Collected data entries

- Opening Delimiter -

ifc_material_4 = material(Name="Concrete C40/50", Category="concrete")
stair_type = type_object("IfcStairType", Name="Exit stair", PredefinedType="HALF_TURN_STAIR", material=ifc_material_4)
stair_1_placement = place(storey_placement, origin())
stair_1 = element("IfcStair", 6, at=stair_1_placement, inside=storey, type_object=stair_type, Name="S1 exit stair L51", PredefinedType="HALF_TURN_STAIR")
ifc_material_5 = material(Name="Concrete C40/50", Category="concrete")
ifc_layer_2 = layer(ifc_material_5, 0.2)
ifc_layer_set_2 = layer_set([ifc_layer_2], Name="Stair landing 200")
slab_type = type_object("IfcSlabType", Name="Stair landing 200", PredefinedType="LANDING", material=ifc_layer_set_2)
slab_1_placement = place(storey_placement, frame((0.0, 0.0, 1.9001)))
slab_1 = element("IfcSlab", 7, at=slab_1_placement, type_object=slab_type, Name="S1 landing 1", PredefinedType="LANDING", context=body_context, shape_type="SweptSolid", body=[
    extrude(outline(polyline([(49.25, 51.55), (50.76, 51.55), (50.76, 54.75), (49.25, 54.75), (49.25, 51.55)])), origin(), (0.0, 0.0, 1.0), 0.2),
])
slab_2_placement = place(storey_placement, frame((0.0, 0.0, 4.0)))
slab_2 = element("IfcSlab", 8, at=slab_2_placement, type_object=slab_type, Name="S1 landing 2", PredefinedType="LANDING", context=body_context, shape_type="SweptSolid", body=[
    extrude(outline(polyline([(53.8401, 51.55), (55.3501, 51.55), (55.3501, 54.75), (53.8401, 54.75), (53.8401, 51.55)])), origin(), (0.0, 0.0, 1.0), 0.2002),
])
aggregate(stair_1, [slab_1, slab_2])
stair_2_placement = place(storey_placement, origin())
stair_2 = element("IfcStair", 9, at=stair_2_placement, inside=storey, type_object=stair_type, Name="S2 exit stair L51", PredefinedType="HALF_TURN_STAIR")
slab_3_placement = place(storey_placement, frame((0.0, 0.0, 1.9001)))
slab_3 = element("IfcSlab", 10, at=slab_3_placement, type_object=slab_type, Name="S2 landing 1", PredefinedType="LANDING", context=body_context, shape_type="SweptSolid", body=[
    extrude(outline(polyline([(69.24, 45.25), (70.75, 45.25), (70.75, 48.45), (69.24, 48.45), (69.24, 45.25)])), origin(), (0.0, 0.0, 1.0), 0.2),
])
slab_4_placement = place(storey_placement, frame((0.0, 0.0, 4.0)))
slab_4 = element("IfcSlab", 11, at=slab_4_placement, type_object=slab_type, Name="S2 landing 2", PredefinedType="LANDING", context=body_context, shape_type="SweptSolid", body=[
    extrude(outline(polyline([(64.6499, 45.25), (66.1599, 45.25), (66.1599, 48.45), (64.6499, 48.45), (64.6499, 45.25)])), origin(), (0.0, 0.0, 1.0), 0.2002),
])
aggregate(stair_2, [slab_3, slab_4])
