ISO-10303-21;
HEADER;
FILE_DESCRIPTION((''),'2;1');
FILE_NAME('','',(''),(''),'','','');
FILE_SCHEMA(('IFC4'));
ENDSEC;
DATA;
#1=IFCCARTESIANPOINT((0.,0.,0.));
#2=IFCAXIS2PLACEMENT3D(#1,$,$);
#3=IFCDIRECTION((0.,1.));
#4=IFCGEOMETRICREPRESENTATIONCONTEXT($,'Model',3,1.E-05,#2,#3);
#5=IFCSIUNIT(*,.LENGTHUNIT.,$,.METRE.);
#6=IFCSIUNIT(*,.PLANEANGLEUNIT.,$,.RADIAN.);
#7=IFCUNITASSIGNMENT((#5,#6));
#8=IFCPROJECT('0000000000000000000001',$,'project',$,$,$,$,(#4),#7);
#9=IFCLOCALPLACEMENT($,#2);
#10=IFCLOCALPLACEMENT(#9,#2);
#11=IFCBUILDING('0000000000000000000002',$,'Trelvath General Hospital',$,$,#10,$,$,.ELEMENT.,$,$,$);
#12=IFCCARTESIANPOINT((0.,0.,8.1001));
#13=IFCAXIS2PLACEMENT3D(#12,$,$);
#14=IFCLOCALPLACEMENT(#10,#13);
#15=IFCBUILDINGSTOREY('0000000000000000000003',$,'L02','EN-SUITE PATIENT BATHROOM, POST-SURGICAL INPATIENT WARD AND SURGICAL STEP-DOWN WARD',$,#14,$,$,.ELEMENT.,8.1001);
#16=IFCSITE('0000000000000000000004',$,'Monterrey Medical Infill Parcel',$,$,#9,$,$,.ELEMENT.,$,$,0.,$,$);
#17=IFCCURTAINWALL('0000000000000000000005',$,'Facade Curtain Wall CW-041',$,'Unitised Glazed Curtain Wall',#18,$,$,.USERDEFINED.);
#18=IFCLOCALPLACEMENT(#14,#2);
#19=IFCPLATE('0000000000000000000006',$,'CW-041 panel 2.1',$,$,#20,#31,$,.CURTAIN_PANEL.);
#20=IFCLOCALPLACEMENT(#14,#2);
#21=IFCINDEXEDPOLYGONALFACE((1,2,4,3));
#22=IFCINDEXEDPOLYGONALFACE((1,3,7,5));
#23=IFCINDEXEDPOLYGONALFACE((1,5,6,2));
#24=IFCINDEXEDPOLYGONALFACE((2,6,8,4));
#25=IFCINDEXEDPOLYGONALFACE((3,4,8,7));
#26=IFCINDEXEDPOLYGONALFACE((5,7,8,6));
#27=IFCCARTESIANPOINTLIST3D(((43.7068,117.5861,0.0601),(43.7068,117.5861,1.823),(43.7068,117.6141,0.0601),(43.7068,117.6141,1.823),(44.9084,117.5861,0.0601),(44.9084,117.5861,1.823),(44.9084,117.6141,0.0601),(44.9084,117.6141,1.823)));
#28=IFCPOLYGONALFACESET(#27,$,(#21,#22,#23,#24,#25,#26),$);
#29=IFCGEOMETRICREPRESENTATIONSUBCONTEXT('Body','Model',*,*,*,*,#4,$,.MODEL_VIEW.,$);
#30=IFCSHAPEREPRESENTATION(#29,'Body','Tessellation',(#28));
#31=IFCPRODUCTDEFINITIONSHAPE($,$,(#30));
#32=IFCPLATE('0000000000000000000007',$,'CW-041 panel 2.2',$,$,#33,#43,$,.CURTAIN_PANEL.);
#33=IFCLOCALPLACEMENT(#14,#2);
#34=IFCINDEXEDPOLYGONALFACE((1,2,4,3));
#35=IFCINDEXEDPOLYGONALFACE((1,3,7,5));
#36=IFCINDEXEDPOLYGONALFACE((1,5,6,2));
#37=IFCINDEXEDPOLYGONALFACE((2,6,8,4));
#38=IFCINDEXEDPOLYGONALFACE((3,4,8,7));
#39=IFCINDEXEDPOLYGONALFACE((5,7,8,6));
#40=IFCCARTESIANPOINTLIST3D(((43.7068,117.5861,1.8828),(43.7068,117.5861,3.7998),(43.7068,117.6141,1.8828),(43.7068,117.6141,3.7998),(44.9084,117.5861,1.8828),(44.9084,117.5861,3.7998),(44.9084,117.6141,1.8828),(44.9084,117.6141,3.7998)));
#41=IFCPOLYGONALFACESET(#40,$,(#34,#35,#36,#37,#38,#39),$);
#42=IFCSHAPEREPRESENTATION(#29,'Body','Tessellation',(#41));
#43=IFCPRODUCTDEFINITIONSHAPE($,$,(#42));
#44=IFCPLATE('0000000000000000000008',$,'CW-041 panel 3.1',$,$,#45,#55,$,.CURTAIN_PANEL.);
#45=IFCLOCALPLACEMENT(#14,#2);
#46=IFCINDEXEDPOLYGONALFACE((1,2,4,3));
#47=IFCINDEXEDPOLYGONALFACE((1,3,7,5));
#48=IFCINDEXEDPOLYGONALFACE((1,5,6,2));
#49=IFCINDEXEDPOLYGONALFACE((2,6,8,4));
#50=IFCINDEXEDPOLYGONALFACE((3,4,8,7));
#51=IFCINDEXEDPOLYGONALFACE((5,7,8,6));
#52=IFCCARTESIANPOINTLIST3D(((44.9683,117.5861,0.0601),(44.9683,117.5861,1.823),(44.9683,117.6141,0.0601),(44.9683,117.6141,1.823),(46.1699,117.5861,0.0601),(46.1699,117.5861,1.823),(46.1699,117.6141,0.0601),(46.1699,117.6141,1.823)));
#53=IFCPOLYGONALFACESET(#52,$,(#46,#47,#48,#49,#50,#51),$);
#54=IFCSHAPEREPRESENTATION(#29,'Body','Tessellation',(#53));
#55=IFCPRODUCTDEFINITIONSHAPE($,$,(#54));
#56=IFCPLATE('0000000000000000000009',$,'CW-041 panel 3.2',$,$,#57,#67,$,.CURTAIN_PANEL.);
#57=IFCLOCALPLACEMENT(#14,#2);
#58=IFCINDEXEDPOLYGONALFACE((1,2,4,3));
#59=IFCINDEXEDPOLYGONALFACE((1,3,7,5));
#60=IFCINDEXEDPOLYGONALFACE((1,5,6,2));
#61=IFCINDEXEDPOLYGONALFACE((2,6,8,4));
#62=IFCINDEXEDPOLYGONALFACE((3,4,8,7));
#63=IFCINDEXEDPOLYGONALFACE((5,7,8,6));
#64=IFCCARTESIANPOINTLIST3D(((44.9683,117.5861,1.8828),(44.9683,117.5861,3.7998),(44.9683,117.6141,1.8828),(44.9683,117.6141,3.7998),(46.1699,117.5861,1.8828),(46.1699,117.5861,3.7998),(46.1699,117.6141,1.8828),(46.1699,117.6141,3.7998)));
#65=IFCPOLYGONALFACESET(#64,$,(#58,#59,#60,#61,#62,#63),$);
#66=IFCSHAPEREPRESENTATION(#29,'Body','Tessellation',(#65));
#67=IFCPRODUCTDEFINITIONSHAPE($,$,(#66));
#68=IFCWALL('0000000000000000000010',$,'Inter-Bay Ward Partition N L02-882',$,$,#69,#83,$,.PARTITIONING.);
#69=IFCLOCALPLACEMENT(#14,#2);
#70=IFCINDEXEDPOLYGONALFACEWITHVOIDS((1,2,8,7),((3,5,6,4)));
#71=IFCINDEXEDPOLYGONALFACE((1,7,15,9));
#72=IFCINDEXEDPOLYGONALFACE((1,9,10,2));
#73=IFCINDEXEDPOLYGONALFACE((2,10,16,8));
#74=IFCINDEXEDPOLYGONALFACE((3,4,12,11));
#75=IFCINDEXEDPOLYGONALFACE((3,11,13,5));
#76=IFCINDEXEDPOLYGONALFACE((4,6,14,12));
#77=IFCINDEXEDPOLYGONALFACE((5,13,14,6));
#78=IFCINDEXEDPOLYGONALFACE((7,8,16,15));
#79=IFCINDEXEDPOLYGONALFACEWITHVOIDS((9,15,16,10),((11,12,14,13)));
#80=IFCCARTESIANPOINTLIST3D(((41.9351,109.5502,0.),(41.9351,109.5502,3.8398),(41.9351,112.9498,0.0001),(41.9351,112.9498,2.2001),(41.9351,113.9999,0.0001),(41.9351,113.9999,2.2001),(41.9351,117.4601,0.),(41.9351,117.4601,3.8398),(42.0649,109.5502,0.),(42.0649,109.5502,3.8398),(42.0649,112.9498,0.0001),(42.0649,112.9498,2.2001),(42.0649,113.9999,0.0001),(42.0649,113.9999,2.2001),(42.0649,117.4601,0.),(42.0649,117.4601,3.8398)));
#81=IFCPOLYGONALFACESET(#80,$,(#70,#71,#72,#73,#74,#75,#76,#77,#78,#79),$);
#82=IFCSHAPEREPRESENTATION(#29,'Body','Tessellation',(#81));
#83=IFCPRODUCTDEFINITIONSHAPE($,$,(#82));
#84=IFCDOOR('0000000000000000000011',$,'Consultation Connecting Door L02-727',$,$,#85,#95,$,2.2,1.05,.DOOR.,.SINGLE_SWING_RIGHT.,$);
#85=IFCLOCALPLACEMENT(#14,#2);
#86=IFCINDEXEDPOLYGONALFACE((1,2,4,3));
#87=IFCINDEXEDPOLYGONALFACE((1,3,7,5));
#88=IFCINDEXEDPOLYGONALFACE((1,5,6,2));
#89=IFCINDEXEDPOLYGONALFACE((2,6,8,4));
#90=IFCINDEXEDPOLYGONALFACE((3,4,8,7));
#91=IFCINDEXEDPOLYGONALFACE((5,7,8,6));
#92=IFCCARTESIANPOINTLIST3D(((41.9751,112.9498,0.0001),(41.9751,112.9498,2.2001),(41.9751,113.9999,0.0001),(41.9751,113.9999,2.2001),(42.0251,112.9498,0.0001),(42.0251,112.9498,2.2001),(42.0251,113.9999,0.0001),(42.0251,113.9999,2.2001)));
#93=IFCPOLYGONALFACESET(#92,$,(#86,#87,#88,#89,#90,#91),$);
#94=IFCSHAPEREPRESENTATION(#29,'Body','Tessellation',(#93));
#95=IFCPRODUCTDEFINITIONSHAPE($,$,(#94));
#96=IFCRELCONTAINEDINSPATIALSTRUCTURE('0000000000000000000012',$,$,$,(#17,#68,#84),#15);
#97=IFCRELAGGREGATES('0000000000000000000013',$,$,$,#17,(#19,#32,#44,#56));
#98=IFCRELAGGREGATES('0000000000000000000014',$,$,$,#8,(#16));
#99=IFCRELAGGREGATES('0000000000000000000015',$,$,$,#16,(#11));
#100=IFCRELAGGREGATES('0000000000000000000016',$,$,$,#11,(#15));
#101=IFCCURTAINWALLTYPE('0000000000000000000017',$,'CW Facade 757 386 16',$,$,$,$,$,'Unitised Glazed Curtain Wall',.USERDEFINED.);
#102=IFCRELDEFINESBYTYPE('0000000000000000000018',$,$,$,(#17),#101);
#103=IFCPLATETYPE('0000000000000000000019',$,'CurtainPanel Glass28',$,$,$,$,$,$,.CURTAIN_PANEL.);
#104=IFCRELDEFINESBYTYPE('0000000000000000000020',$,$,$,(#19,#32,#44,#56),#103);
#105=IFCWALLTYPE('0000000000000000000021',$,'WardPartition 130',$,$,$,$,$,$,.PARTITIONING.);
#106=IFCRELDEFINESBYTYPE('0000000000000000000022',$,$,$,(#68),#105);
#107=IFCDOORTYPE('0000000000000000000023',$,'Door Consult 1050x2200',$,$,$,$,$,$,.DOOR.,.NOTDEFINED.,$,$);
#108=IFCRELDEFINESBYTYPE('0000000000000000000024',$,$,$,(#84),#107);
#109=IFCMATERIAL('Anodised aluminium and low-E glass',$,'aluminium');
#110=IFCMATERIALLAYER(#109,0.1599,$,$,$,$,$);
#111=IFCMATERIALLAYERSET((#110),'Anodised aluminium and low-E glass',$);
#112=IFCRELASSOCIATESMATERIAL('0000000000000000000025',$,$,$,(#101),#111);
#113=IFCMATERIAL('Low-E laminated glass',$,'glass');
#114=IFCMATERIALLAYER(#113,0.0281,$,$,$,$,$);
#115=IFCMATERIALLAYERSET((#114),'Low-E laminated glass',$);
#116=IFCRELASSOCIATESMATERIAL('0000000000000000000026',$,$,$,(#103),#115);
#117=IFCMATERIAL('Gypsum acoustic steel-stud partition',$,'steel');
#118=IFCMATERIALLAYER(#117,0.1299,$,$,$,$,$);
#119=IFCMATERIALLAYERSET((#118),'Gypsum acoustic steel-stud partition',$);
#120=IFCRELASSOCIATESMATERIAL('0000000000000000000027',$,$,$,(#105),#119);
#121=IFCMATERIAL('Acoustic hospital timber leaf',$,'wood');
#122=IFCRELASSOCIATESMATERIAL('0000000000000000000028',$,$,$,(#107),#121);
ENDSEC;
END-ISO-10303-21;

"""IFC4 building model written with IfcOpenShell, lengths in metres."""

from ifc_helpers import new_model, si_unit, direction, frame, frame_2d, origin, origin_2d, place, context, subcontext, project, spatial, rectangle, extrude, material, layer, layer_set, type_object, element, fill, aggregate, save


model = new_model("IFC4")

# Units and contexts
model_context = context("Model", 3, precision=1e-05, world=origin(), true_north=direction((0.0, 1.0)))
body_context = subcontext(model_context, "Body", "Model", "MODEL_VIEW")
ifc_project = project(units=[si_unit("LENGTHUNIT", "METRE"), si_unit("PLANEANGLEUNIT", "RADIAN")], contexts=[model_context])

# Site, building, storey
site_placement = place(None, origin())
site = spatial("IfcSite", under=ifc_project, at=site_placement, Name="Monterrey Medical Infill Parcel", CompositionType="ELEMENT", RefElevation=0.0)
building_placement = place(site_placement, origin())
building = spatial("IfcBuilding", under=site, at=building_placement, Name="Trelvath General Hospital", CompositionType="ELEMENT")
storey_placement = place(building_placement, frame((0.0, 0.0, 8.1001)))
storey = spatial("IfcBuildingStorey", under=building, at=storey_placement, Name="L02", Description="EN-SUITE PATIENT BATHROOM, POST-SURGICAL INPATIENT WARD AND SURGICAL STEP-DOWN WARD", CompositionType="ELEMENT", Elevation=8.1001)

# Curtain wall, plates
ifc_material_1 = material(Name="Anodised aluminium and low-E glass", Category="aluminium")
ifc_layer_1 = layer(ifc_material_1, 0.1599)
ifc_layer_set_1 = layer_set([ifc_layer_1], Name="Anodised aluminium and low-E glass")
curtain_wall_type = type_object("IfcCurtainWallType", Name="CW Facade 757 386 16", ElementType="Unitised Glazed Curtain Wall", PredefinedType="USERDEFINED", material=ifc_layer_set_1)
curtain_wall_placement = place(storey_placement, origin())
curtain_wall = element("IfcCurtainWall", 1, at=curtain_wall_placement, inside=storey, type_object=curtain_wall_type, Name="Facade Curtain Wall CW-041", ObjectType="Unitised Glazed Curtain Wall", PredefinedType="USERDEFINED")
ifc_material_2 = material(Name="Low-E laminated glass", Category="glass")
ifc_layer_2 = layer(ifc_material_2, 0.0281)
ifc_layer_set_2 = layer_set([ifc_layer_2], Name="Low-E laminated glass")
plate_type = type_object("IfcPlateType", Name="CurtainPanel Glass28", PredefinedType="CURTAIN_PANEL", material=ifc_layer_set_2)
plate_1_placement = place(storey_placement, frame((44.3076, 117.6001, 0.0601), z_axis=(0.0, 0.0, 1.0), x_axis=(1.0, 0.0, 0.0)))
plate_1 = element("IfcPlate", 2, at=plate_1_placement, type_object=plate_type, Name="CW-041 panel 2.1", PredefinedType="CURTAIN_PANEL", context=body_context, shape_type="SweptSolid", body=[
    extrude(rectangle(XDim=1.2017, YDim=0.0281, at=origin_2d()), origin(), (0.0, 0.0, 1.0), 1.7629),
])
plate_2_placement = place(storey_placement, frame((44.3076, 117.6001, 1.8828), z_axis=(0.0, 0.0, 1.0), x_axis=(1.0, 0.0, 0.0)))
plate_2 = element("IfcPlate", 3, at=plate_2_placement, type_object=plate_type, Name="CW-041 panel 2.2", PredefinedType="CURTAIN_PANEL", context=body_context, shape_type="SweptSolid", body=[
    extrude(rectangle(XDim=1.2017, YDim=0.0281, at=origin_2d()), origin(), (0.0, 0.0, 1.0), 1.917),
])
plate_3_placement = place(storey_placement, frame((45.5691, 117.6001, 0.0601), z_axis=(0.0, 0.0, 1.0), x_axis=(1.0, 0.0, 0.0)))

- Closing Delimiter -
- Opening Delimiter -

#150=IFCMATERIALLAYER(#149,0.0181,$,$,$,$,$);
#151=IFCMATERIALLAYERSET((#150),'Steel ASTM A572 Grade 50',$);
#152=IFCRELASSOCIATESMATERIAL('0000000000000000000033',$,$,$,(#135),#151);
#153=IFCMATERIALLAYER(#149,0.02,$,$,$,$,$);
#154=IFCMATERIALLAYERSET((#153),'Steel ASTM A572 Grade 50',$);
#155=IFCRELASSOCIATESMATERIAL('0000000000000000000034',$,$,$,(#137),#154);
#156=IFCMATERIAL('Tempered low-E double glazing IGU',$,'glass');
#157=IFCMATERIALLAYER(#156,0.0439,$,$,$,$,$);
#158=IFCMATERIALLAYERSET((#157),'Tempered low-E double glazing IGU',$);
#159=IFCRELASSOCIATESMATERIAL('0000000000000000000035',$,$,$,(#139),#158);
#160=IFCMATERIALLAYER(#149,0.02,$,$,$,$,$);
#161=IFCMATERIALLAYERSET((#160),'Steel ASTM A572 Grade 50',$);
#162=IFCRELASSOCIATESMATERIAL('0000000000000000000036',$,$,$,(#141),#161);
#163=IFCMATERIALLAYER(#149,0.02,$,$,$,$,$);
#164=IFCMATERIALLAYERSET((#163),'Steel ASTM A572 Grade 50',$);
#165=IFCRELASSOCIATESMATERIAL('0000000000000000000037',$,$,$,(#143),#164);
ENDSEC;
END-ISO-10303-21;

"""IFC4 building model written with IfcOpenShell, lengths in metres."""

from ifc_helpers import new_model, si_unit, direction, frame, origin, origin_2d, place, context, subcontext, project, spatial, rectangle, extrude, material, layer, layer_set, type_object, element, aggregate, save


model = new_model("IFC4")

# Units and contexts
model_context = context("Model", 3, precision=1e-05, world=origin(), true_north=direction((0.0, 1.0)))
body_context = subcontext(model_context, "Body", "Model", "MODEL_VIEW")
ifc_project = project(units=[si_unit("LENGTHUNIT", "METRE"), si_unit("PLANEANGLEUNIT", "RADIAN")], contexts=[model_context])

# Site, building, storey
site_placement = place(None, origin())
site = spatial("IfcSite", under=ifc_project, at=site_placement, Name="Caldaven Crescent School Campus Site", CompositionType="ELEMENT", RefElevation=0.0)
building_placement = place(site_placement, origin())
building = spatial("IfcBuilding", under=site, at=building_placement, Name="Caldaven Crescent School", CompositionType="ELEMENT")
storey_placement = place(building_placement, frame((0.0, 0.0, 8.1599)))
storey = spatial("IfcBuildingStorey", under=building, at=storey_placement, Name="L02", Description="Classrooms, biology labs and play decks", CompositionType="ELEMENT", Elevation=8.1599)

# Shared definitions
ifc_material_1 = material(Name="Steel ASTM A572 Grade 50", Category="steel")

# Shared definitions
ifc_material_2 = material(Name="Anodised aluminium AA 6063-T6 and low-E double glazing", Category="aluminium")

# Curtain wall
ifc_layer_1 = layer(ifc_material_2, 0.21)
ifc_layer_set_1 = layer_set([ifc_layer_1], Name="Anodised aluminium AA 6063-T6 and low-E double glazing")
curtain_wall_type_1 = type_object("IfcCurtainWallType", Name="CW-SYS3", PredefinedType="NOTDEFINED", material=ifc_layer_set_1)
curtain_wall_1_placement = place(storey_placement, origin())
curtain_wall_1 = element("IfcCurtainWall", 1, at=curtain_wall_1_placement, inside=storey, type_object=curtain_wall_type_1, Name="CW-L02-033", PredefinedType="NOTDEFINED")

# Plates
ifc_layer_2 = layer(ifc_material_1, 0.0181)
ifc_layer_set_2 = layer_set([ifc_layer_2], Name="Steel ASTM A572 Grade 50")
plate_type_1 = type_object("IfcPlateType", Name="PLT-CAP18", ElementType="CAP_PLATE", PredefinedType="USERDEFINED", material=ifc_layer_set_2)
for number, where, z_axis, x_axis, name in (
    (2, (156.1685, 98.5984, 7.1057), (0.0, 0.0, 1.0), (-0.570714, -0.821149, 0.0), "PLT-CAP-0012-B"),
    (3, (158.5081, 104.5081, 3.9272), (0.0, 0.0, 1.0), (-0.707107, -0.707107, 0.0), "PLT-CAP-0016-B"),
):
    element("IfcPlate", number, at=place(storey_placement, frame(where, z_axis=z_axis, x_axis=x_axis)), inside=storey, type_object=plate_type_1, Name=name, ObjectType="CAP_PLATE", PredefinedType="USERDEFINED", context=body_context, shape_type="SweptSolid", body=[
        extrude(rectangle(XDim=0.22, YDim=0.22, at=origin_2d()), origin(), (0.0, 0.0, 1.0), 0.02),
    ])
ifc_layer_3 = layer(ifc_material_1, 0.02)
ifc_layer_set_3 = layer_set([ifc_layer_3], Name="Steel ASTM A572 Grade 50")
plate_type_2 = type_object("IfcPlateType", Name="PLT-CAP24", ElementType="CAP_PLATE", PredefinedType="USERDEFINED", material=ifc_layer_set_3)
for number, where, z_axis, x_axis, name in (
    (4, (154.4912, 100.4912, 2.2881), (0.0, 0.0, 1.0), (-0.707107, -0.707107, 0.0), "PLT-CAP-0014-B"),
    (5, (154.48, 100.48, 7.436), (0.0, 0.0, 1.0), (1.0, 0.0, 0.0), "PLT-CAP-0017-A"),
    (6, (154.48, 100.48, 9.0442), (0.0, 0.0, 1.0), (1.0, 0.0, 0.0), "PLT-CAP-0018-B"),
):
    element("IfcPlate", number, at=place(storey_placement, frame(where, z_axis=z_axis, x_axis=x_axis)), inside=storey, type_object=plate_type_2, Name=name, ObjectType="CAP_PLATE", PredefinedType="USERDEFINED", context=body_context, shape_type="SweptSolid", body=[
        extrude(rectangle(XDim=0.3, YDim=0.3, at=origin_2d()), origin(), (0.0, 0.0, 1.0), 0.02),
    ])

- Closing Delimiter -

_Goal of the exercise_: Lines to set down from above: the line with "#10=IFCLOCALPLACEMENT(#9,#2);", the line with "#14=IFCLOCALPLACEMENT(#10,#13);", and every line between, each exactly as written.

_Exercise response_:
#10=IFCLOCALPLACEMENT(#9,#2);
#11=IFCBUILDING('0000000000000000000002',$,'Trelvath General Hospital',$,$,#10,$,$,.ELEMENT.,$,$,$);
#12=IFCCARTESIANPOINT((0.,0.,8.1001));
#13=IFCAXIS2PLACEMENT3D(#12,$,$);
#14=IFCLOCALPLACEMENT(#10,#13);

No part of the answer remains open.